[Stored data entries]
<<<<

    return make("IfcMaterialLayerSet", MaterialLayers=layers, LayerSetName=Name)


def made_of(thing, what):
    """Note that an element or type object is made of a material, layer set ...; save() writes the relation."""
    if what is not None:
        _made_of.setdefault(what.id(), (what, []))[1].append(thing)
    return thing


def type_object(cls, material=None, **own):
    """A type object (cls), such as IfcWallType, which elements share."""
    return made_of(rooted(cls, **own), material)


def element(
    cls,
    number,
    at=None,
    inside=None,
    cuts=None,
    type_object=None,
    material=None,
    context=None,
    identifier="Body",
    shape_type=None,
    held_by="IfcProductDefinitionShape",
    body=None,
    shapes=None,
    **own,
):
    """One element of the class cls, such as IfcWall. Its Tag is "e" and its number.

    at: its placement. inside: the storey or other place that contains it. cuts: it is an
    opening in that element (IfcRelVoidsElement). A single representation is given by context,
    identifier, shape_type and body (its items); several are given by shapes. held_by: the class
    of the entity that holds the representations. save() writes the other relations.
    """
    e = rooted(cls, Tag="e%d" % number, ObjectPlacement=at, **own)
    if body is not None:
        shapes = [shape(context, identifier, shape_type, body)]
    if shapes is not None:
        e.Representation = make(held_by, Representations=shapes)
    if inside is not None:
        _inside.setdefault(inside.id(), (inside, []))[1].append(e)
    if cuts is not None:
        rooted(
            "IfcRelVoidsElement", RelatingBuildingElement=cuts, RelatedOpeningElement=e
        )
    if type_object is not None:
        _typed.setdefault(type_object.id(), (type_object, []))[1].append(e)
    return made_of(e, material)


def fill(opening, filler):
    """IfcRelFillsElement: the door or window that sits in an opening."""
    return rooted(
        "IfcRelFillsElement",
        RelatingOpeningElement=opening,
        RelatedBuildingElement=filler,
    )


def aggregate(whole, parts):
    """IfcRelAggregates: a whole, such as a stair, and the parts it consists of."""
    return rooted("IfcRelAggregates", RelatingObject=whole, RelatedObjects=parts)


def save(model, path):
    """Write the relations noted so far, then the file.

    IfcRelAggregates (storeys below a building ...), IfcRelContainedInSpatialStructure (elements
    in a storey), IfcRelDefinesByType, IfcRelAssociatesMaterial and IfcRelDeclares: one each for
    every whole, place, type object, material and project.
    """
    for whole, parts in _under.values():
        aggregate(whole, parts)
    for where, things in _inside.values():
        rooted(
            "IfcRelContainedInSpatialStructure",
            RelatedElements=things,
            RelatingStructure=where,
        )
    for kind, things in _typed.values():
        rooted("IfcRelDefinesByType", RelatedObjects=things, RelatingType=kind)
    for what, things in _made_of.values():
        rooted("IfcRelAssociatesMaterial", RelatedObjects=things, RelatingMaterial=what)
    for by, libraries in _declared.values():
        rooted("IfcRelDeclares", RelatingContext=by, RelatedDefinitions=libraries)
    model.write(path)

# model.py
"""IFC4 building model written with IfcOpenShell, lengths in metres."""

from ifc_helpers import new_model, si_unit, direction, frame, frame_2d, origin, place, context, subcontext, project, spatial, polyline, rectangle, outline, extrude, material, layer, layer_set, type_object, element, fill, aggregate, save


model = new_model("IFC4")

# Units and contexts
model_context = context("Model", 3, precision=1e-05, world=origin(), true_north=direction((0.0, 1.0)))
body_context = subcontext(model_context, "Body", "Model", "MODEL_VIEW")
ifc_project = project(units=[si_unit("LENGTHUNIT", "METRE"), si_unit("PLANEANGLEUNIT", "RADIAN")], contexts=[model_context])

>>>>

REQUIRED ACTION: From the entries above, give again exactly the lines running from the line with "model.write(path)" to the line with "# Units and contexts"; include both of those lines.

REPLY:
    model.write(path)

# model.py
"""IFC4 building model written with IfcOpenShell, lengths in metres."""

from ifc_helpers import new_model, si_unit, direction, frame, frame_2d, origin, place, context, subcontext, project, spatial, polyline, rectangle, outline, extrude, material, layer, layer_set, type_object, element, fill, aggregate, save


model = new_model("IFC4")

# Units and contexts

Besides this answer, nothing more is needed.